*To do*
The exercise asks you to copy every line below in which "subcontext" appears.

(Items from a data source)
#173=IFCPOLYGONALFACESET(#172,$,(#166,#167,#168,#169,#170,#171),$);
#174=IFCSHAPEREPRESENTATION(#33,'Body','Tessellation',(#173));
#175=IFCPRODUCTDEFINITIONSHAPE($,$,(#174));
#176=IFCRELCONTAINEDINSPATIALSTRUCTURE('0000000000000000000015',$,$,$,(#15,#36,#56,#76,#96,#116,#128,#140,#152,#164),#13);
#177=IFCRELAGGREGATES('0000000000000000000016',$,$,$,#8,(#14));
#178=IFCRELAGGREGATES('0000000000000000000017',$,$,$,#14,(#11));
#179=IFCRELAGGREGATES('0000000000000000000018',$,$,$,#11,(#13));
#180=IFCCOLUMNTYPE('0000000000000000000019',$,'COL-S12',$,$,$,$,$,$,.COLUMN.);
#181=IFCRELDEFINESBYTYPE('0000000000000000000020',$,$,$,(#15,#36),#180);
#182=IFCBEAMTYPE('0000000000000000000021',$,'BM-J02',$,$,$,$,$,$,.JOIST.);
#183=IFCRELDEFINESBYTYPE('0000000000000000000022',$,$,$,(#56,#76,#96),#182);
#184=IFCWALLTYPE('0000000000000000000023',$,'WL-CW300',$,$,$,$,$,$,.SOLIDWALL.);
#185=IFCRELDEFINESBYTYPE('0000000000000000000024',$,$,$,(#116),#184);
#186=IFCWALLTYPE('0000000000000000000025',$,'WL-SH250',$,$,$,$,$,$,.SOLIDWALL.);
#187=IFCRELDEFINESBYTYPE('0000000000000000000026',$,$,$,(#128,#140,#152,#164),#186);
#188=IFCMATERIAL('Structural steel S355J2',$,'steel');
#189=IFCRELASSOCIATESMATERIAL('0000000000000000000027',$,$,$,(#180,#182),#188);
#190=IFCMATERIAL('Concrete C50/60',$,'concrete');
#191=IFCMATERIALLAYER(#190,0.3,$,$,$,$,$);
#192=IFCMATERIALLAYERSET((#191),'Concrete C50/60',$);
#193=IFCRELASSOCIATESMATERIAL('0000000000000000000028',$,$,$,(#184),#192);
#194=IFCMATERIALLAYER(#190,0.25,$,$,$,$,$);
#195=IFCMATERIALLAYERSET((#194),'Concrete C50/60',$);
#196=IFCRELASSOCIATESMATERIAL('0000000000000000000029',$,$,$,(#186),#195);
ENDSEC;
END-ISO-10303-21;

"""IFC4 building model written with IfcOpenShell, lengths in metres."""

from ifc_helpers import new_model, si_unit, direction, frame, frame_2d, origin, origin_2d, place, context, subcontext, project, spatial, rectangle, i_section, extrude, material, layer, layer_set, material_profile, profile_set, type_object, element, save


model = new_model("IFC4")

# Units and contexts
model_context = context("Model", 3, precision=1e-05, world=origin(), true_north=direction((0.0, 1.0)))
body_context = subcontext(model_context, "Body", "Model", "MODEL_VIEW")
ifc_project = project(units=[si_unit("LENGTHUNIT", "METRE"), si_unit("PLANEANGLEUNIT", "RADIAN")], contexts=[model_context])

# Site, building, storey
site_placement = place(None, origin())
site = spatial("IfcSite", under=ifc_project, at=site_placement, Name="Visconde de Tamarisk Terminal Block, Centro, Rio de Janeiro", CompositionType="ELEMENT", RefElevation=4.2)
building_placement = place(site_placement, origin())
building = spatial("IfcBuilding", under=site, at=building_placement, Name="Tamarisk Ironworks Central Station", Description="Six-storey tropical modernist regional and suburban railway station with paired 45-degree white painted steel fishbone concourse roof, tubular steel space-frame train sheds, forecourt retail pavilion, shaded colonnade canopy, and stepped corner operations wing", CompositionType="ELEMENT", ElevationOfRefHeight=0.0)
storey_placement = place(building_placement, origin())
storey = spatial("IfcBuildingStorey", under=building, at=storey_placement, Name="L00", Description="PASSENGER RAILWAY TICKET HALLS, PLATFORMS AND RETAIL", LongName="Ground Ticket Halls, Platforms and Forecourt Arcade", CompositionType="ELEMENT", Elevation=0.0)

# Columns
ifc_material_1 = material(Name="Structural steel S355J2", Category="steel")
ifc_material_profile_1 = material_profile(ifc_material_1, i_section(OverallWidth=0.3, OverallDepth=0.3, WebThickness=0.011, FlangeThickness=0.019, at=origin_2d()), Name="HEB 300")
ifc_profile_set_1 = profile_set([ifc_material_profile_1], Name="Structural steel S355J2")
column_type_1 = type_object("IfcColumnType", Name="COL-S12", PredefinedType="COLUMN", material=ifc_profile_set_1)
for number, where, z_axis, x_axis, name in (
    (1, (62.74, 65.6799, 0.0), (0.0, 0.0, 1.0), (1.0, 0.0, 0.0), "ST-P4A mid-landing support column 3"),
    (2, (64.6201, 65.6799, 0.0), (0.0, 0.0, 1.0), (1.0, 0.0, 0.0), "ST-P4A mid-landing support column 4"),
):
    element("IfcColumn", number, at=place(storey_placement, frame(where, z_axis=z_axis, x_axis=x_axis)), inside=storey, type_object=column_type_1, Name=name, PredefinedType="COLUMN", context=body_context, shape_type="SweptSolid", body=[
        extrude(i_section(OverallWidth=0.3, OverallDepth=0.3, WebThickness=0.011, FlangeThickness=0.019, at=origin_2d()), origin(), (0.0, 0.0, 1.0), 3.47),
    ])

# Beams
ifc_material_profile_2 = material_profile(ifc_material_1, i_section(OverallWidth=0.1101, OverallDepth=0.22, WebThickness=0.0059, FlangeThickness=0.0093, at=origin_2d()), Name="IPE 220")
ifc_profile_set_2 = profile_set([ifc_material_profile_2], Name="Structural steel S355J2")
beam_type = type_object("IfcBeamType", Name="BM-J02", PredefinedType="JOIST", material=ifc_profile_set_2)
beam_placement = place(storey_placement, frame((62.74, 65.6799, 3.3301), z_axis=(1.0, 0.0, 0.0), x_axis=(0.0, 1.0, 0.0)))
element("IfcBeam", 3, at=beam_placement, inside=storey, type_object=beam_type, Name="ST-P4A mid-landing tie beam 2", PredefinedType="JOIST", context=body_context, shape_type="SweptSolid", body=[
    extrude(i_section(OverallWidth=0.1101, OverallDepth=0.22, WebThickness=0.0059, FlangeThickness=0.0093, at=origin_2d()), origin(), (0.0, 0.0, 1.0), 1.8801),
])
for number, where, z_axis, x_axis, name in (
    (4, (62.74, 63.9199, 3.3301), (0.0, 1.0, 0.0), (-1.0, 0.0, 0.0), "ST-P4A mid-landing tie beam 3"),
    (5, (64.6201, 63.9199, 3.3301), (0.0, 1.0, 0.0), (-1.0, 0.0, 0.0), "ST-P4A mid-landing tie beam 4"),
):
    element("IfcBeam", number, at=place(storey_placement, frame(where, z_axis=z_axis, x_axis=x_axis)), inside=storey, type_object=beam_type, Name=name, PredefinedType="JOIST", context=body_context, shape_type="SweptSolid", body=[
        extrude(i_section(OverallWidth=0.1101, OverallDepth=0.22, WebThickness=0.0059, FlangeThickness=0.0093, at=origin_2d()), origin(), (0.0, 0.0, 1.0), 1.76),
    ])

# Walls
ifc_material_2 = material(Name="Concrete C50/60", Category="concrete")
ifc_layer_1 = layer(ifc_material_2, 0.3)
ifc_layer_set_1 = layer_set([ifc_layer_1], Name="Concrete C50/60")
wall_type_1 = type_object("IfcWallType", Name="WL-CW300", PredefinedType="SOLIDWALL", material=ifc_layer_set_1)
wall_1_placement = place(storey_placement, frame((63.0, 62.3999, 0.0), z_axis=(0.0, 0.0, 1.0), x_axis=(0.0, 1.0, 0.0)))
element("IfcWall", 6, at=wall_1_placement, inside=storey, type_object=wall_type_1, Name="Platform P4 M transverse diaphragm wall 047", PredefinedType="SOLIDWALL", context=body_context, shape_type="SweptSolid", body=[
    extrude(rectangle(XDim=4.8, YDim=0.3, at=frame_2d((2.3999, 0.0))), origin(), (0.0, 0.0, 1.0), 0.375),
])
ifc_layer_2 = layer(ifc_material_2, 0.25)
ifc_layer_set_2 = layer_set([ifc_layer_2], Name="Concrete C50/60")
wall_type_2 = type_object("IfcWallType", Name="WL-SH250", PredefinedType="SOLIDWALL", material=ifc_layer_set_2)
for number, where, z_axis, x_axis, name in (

*Your solution*
from ifc_helpers import new_model, si_unit, direction, frame, frame_2d, origin, origin_2d, place, context, subcontext, project, spatial, rectangle, i_section, extrude, material, layer, layer_set, material_profile, profile_set, type_object, element, save
body_context = subcontext(model_context, "Body", "Model", "MODEL_VIEW")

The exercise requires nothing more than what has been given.